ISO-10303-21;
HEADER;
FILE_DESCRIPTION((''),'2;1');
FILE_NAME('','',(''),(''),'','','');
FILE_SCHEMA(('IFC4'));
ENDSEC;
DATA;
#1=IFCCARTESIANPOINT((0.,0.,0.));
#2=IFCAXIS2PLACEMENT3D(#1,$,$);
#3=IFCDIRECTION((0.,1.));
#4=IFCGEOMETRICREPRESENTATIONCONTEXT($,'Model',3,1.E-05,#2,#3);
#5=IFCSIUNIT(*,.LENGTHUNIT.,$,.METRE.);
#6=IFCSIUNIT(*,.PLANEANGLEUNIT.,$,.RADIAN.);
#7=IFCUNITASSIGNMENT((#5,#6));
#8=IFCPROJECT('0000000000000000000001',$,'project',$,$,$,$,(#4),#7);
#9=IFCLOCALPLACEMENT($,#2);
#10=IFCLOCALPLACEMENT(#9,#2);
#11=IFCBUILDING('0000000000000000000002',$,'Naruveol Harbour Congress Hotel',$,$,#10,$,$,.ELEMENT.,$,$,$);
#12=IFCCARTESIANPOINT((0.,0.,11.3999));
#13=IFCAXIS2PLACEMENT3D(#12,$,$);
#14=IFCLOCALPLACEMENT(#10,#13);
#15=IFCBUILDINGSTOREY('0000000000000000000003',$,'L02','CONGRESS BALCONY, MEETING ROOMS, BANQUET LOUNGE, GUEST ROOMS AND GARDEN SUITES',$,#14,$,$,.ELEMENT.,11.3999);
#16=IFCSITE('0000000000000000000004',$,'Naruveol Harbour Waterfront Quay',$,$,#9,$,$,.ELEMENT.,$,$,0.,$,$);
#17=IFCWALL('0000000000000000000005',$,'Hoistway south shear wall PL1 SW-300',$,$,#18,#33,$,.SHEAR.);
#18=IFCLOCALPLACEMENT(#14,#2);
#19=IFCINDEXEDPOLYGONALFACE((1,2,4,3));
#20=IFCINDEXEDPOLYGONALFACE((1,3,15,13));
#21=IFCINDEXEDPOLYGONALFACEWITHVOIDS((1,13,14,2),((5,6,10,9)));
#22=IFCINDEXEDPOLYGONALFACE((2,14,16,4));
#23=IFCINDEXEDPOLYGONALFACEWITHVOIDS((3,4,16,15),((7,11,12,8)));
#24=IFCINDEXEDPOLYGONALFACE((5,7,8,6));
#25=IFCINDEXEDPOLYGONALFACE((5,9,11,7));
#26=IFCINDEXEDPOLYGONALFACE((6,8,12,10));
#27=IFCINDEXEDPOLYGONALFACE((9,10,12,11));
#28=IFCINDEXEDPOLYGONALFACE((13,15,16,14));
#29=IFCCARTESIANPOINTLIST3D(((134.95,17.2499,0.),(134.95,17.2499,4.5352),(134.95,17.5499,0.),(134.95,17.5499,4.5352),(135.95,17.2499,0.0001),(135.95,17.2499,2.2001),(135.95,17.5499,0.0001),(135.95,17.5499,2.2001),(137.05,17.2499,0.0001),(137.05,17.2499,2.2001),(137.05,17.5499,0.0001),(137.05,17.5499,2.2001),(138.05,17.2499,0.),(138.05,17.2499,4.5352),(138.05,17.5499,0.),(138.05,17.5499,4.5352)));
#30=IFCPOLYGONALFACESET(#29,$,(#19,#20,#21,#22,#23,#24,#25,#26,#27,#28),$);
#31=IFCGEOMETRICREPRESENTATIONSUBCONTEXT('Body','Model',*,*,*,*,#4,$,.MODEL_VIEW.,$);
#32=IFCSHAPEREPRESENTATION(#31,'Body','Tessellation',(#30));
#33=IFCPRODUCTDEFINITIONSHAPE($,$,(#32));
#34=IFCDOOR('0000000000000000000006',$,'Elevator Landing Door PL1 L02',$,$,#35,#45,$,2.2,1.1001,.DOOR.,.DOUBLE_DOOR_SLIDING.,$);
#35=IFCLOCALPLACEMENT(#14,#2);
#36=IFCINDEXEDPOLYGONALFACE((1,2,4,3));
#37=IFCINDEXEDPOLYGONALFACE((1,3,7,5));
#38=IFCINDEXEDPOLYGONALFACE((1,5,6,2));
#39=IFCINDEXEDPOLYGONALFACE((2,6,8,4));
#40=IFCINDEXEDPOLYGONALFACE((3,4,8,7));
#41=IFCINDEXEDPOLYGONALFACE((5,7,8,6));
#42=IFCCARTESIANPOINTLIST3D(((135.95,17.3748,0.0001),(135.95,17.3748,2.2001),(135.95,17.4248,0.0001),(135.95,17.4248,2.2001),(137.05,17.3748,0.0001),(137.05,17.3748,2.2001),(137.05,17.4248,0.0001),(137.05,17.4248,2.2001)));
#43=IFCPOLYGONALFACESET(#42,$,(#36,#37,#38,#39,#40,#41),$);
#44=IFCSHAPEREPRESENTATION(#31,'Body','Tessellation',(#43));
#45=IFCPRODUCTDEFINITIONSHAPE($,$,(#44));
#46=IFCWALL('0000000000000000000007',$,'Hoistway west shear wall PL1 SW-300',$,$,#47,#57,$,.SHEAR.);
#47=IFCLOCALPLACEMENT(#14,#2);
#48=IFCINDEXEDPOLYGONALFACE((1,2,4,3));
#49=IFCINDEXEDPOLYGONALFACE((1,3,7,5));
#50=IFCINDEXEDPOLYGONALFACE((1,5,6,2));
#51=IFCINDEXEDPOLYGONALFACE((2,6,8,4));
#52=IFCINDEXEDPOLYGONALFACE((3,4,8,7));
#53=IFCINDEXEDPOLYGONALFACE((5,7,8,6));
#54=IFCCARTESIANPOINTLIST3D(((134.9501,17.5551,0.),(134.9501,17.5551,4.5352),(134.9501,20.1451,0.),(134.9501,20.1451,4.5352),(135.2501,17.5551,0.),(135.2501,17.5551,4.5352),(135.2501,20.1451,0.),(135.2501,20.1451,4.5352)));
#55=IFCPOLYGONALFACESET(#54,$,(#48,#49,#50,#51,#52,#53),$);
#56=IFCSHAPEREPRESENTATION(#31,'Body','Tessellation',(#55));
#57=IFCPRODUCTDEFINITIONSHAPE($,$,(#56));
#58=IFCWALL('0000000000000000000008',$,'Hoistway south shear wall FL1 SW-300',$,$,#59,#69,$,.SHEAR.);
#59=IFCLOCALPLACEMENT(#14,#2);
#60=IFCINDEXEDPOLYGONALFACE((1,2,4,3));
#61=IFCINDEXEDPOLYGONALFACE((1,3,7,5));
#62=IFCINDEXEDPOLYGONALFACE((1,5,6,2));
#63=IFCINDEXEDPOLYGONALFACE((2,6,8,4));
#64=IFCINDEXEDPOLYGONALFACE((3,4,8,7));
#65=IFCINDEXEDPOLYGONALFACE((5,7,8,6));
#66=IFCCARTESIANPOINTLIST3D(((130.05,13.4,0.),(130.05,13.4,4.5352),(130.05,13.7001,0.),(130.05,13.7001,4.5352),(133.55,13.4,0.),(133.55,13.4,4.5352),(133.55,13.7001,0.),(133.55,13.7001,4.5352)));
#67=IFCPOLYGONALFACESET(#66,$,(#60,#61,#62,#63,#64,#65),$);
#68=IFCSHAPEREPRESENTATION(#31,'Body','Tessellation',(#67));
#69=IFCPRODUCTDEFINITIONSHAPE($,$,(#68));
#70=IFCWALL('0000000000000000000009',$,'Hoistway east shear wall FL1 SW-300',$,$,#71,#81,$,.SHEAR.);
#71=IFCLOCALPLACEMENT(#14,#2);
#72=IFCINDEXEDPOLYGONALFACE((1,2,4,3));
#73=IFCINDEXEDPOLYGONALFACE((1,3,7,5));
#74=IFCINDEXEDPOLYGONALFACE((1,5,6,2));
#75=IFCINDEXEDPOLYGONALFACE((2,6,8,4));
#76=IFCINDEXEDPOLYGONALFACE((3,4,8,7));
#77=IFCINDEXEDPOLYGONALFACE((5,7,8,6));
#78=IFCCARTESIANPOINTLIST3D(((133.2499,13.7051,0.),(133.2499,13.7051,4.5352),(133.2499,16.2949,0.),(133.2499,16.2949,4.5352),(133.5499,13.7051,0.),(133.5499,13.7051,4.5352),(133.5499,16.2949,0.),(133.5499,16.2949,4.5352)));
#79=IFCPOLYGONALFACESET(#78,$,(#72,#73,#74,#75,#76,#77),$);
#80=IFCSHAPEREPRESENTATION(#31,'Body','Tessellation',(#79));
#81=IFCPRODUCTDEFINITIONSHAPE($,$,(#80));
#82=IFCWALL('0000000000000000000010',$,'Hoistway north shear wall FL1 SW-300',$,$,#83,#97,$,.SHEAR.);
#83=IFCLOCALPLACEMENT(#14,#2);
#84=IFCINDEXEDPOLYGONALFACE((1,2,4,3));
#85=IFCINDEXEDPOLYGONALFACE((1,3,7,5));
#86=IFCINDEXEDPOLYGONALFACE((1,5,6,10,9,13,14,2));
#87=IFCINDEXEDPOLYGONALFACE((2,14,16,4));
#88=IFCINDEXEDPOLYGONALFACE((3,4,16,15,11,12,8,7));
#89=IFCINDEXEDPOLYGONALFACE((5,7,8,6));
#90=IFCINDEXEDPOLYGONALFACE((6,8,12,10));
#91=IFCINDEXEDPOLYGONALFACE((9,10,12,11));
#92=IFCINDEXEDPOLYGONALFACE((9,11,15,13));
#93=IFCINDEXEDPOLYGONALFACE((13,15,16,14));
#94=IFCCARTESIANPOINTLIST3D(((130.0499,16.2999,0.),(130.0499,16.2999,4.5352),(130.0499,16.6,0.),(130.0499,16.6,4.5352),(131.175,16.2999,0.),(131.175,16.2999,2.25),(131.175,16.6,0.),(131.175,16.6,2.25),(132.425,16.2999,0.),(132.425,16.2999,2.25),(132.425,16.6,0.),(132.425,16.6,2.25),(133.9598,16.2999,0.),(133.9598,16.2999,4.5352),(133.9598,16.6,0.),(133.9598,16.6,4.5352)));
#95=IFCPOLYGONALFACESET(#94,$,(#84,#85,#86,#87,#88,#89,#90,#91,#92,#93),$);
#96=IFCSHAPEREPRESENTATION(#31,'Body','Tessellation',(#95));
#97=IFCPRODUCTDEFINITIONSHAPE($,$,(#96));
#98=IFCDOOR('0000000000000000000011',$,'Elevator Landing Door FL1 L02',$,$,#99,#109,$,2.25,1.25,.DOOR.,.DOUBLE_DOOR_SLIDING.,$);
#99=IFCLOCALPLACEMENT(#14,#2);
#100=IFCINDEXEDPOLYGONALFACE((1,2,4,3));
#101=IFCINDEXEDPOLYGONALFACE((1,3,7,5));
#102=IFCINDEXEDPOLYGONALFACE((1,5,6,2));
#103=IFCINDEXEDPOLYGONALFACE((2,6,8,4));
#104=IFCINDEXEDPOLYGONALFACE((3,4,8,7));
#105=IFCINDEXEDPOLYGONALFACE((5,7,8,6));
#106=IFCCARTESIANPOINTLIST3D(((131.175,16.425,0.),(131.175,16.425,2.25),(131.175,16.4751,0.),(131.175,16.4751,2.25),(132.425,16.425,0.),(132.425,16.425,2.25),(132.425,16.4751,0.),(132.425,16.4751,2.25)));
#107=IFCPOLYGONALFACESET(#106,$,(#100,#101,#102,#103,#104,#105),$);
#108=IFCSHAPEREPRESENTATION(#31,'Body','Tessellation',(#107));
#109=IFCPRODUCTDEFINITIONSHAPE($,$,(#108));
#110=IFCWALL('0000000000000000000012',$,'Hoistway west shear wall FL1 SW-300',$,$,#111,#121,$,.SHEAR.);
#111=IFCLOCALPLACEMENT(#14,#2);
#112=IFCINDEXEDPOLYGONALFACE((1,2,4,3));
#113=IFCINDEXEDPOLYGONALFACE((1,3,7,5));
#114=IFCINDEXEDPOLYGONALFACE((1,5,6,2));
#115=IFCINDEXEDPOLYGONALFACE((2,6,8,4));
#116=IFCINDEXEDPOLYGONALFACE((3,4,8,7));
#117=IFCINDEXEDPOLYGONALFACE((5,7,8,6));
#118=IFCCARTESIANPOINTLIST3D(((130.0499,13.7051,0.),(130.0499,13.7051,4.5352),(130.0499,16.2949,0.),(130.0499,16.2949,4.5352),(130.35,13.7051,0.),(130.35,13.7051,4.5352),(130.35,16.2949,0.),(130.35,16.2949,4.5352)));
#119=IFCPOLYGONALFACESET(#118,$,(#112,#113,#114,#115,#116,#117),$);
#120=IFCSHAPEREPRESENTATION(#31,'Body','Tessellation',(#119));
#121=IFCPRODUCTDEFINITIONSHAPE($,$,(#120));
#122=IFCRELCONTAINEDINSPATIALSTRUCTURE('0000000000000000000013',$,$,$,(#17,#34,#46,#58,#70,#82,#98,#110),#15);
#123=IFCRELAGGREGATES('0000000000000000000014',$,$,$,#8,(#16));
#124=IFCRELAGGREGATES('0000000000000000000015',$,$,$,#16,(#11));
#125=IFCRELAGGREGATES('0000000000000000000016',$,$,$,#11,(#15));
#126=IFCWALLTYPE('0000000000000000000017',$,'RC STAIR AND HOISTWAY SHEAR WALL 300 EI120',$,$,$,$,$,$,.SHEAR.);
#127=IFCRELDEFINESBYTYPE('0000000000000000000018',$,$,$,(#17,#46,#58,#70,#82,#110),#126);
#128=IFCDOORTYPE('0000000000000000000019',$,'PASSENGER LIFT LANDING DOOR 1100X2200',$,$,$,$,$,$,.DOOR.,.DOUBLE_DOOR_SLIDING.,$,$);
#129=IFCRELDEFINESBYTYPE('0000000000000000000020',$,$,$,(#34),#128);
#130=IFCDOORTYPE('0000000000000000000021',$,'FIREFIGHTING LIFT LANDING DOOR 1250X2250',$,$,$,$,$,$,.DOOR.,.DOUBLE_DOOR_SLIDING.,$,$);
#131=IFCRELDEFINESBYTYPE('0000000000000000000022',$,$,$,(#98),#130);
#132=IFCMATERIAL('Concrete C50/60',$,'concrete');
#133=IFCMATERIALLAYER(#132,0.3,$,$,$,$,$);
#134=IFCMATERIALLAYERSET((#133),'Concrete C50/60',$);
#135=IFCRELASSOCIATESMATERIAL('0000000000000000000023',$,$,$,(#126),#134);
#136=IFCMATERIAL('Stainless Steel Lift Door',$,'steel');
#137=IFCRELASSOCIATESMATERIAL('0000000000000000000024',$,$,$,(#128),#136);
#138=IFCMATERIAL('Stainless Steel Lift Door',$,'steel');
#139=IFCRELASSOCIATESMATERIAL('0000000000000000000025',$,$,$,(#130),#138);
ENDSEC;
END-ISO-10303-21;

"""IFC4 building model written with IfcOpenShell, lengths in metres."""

from ifc_helpers import new_model, si_unit, direction, frame, frame_2d, origin, place, context, subcontext, project, spatial, rectangle, extrude, material, layer, layer_set, type_object, element, fill, save


model = new_model("IFC4")

# Units and contexts
model_context = context("Model", 3, precision=1e-05, world=origin(), true_north=direction((0.0, 1.0)))
body_context = subcontext(model_context, "Body", "Model", "MODEL_VIEW")
ifc_project = project(units=[si_unit("LENGTHUNIT", "METRE"), si_unit("PLANEANGLEUNIT", "RADIAN")], contexts=[model_context])

# Site, building, storey
site_placement = place(None, origin())
site = spatial("IfcSite", under=ifc_project, at=site_placement, Name="Naruveol Harbour Waterfront Quay", CompositionType="ELEMENT", RefElevation=0.0)
building_placement = place(site_placement, origin())
building = spatial("IfcBuilding", under=site, at=building_placement, Name="Naruveol Harbour Congress Hotel", CompositionType="ELEMENT")
storey_placement = place(building_placement, frame((0.0, 0.0, 11.3999)))
storey = spatial("IfcBuildingStorey", under=building, at=storey_placement, Name="L02", Description="CONGRESS BALCONY, MEETING ROOMS, BANQUET LOUNGE, GUEST ROOMS AND GARDEN SUITES", CompositionType="ELEMENT", Elevation=11.3999)

# Wall, opening, door
ifc_material_1 = material(Name="Concrete C50/60", Category="concrete")
ifc_layer_1 = layer(ifc_material_1, 0.3)
ifc_layer_set_1 = layer_set([ifc_layer_1], Name="Concrete C50/60")
wall_type_1 = type_object("IfcWallType", Name="RC STAIR AND HOISTWAY SHEAR WALL 300 EI120", PredefinedType="SHEAR", material=ifc_layer_set_1)
wall_1_placement = place(storey_placement, frame((134.95, 17.3999, 0.0), z_axis=(0.0, 0.0, 1.0), x_axis=(1.0, 0.0, 0.0)))
wall_1 = element("IfcWall", 1, at=wall_1_placement, inside=storey, type_object=wall_type_1, Name="Hoistway south shear wall PL1 SW-300", PredefinedType="SHEAR", context=body_context, shape_type="SweptSolid", body=[
    extrude(rectangle(XDim=3.1001, YDim=0.3, at=frame_2d((1.55, 0.0))), origin(), (0.0, 0.0, 1.0), 4.5352),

══════════

■ EXERCISE GOAL ■
Each line that holds the string "west" is to be copied from the entries above.

■ EXERCISE RESULT ■
#46=IFCWALL('0000000000000000000007',$,'Hoistway west shear wall PL1 SW-300',$,$,#47,#57,$,.SHEAR.);
#110=IFCWALL('0000000000000000000012',$,'Hoistway west shear wall FL1 SW-300',$,$,#111,#121,$,.SHEAR.);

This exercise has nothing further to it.